- _How to complete this task_: Those lines of the records that contain "Tower" are to be located and copied.

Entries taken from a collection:
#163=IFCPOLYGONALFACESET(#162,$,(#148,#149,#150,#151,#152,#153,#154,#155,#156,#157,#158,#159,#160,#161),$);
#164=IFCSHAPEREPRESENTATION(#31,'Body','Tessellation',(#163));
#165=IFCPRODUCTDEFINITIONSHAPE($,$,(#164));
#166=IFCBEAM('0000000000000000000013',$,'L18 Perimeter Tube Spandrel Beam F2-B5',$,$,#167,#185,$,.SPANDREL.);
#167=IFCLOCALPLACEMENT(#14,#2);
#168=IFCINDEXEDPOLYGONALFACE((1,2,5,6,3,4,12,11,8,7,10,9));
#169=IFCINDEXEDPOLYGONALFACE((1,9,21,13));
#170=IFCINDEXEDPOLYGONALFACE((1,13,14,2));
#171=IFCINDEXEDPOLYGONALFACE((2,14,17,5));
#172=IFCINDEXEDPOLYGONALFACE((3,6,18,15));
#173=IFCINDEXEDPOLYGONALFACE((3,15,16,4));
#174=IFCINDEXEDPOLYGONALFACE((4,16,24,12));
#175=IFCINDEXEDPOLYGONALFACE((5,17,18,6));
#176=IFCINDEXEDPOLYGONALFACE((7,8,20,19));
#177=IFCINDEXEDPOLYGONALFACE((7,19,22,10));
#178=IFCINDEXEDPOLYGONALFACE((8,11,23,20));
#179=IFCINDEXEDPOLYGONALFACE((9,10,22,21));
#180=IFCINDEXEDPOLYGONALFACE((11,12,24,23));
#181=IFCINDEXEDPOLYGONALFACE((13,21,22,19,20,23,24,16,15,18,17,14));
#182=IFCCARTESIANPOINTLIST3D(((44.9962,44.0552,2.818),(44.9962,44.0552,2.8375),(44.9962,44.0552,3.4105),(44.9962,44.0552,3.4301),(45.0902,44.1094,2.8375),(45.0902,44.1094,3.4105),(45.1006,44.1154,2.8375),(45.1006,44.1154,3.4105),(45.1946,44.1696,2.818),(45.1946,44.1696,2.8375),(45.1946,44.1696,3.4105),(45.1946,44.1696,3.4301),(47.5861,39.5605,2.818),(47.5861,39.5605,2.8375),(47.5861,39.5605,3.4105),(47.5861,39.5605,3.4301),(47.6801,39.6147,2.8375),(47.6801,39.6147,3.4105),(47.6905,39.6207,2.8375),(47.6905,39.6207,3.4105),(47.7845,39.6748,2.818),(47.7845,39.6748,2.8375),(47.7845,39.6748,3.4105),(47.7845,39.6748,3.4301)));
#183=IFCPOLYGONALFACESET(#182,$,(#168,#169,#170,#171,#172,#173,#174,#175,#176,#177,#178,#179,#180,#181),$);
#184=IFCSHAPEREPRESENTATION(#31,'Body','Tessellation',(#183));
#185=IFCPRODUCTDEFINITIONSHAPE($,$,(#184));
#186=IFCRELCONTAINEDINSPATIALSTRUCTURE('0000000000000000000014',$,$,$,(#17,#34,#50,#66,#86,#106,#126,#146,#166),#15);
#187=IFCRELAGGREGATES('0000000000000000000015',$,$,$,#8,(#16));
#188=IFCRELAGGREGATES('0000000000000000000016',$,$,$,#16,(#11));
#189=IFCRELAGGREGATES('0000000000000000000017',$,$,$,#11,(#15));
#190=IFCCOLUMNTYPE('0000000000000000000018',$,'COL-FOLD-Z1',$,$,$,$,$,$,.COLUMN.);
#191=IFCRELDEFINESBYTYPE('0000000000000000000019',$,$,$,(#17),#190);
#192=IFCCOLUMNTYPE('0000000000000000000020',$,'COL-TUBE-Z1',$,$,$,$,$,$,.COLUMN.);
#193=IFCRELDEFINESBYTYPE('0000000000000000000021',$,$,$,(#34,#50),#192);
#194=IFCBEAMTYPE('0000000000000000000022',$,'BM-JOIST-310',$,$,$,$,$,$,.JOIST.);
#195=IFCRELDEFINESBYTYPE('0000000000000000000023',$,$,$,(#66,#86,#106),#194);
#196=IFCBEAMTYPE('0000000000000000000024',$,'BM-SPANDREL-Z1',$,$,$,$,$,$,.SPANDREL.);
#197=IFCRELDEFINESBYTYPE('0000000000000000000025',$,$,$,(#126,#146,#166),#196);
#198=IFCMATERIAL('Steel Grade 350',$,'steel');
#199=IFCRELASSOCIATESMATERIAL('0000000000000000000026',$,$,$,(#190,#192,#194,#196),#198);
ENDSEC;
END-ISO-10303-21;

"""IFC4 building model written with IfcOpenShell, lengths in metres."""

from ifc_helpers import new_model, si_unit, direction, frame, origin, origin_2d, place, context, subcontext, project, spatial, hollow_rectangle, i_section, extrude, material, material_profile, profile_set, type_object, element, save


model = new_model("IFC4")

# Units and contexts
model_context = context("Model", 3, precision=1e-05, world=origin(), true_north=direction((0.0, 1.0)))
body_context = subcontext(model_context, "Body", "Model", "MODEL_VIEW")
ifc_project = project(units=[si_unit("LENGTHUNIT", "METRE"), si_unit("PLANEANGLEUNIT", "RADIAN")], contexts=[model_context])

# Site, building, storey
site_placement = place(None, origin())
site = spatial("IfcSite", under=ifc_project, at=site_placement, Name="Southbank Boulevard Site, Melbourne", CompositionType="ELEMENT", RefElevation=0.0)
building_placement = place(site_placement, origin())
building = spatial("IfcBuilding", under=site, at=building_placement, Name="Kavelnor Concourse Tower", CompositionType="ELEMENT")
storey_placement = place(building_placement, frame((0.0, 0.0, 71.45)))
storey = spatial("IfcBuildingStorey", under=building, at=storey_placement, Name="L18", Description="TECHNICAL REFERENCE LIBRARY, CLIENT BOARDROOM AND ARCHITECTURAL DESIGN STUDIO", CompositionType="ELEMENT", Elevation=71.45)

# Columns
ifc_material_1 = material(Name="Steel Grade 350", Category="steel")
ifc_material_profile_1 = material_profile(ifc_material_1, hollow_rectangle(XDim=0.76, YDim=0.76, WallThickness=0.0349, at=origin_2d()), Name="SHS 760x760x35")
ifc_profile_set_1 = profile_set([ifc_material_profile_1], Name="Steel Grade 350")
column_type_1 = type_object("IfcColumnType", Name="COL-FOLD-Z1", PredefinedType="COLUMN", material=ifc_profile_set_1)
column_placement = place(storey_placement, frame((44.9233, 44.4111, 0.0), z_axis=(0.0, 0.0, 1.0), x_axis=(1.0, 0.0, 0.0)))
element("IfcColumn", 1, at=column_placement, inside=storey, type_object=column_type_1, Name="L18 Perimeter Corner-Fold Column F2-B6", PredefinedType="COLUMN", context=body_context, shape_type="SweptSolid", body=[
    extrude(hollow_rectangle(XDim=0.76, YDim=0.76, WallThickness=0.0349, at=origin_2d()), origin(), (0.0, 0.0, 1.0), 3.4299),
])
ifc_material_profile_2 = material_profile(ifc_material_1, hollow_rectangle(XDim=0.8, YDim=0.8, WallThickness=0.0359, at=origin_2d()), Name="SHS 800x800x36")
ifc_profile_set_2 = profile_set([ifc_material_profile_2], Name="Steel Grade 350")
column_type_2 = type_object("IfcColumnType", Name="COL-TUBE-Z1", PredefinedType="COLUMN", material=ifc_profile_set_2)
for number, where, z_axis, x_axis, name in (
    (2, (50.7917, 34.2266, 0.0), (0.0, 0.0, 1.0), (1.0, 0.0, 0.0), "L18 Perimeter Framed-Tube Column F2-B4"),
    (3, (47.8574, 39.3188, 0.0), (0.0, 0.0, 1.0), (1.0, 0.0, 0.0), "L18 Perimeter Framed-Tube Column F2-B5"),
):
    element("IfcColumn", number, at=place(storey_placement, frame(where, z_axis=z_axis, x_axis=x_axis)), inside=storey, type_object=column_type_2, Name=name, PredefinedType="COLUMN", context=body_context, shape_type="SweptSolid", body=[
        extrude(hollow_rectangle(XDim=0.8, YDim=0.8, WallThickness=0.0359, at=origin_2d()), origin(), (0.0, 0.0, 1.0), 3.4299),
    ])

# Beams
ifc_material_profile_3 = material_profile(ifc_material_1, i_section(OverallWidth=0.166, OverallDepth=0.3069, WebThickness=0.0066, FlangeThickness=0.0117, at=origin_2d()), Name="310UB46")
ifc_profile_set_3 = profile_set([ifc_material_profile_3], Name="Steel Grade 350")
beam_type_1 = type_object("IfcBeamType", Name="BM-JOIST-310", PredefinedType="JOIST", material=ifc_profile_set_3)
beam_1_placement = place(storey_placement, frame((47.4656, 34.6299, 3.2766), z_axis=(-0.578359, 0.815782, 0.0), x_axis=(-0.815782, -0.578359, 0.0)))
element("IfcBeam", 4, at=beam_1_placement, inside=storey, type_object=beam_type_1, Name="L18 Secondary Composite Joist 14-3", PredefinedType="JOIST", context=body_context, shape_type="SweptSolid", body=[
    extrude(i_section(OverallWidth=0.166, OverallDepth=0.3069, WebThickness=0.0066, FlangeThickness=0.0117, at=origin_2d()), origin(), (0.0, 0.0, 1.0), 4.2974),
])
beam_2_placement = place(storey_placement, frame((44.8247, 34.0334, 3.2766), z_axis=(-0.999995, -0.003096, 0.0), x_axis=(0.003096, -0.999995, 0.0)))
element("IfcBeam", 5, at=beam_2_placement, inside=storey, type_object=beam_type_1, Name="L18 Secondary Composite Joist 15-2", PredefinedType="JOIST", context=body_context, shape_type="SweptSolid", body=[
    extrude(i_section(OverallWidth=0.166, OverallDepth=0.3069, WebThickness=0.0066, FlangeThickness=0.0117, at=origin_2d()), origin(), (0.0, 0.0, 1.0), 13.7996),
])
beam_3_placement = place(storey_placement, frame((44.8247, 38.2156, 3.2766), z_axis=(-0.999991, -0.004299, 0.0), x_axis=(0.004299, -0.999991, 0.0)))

...

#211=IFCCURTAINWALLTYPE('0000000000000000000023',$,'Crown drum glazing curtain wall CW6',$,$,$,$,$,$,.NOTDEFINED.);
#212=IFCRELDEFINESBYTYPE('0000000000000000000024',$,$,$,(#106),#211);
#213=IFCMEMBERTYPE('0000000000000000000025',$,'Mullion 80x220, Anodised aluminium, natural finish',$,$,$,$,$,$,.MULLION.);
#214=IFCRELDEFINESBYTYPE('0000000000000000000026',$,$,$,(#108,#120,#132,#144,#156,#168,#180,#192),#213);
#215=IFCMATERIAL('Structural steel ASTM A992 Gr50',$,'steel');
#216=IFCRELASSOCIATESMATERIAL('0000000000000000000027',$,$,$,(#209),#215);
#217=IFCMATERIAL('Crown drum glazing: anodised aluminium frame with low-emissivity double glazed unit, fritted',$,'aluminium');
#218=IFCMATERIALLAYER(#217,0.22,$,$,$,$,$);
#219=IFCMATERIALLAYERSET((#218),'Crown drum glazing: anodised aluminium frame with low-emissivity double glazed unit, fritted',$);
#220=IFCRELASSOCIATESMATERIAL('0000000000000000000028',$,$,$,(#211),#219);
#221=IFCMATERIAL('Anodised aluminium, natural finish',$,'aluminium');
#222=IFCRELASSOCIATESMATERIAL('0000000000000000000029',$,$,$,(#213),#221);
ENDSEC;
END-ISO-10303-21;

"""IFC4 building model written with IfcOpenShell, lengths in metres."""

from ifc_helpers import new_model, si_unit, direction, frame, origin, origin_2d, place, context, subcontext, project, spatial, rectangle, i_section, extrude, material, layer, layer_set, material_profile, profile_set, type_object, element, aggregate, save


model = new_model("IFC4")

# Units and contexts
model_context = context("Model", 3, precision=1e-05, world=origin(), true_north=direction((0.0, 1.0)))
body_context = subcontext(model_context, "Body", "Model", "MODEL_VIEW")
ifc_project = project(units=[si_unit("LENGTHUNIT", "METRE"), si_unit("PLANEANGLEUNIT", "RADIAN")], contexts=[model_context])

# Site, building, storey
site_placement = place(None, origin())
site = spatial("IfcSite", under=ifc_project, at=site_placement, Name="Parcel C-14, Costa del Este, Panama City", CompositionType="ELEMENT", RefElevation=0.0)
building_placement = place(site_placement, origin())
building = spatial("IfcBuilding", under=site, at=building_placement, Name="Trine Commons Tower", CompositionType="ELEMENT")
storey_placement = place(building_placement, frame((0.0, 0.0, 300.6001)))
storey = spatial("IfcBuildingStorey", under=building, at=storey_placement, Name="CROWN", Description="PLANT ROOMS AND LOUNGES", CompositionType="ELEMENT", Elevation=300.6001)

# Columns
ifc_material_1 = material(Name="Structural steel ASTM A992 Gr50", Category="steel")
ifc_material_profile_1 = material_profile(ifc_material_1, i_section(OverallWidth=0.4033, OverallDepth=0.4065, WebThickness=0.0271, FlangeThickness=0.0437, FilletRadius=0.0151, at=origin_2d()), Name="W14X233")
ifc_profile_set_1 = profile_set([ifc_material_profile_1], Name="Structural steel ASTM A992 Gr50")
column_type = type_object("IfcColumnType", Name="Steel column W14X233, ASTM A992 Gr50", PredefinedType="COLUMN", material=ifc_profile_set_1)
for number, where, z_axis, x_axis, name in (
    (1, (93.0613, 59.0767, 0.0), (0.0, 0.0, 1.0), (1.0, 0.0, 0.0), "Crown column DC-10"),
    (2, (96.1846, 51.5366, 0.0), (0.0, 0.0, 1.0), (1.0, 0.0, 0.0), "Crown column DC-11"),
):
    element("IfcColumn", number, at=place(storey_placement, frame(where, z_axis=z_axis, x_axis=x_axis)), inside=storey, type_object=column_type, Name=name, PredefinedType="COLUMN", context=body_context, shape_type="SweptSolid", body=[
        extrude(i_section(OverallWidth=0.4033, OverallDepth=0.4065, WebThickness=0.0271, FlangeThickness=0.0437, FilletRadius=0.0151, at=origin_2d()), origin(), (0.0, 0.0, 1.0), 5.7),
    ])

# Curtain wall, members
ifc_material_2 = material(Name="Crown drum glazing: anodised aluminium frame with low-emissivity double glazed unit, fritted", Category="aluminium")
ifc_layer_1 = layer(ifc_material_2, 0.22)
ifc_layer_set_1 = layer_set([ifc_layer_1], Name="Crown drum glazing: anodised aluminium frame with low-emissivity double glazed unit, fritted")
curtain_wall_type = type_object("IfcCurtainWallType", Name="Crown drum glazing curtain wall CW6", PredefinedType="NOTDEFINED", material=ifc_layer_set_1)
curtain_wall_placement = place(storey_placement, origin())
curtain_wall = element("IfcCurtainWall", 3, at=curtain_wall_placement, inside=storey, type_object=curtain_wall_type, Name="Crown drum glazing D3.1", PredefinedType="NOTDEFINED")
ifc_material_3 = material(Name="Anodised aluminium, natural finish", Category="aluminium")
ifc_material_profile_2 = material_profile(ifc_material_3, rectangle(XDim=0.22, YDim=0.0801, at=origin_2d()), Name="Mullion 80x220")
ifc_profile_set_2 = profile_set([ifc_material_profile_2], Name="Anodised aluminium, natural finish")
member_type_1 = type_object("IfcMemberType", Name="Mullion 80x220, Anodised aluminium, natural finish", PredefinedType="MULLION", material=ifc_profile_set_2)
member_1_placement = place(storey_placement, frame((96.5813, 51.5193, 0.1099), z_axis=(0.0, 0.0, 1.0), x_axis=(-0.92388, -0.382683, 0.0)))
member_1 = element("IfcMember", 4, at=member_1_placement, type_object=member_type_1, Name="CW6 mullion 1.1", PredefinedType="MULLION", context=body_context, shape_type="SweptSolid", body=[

--

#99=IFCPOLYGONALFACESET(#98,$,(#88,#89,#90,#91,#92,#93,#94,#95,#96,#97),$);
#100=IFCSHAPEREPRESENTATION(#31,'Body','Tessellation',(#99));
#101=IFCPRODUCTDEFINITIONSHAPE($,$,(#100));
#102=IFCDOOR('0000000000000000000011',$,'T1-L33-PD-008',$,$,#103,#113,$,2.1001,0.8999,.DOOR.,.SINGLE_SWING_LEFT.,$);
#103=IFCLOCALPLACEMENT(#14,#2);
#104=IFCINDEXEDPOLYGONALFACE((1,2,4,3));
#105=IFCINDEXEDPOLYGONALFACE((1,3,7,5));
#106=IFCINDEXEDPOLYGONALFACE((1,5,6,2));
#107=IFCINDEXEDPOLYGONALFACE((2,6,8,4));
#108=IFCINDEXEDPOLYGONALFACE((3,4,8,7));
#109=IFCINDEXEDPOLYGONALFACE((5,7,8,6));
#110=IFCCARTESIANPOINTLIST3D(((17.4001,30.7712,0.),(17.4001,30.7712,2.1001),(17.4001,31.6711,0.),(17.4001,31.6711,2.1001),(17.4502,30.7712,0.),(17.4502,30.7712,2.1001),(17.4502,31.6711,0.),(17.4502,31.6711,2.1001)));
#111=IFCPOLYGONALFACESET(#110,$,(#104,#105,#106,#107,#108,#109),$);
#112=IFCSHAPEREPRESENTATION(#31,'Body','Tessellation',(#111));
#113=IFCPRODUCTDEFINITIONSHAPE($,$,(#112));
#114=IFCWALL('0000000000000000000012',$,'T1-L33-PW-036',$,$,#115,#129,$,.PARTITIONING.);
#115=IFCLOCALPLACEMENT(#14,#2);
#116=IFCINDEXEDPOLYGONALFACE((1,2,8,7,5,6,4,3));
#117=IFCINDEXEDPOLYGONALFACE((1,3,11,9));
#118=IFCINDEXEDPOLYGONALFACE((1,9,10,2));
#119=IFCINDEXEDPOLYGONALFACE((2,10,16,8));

- _Solved exercise_:
building = spatial("IfcBuilding", under=site, at=building_placement, Name="Kavelnor Concourse Tower", CompositionType="ELEMENT")
building = spatial("IfcBuilding", under=site, at=building_placement, Name="Trine Commons Tower", CompositionType="ELEMENT")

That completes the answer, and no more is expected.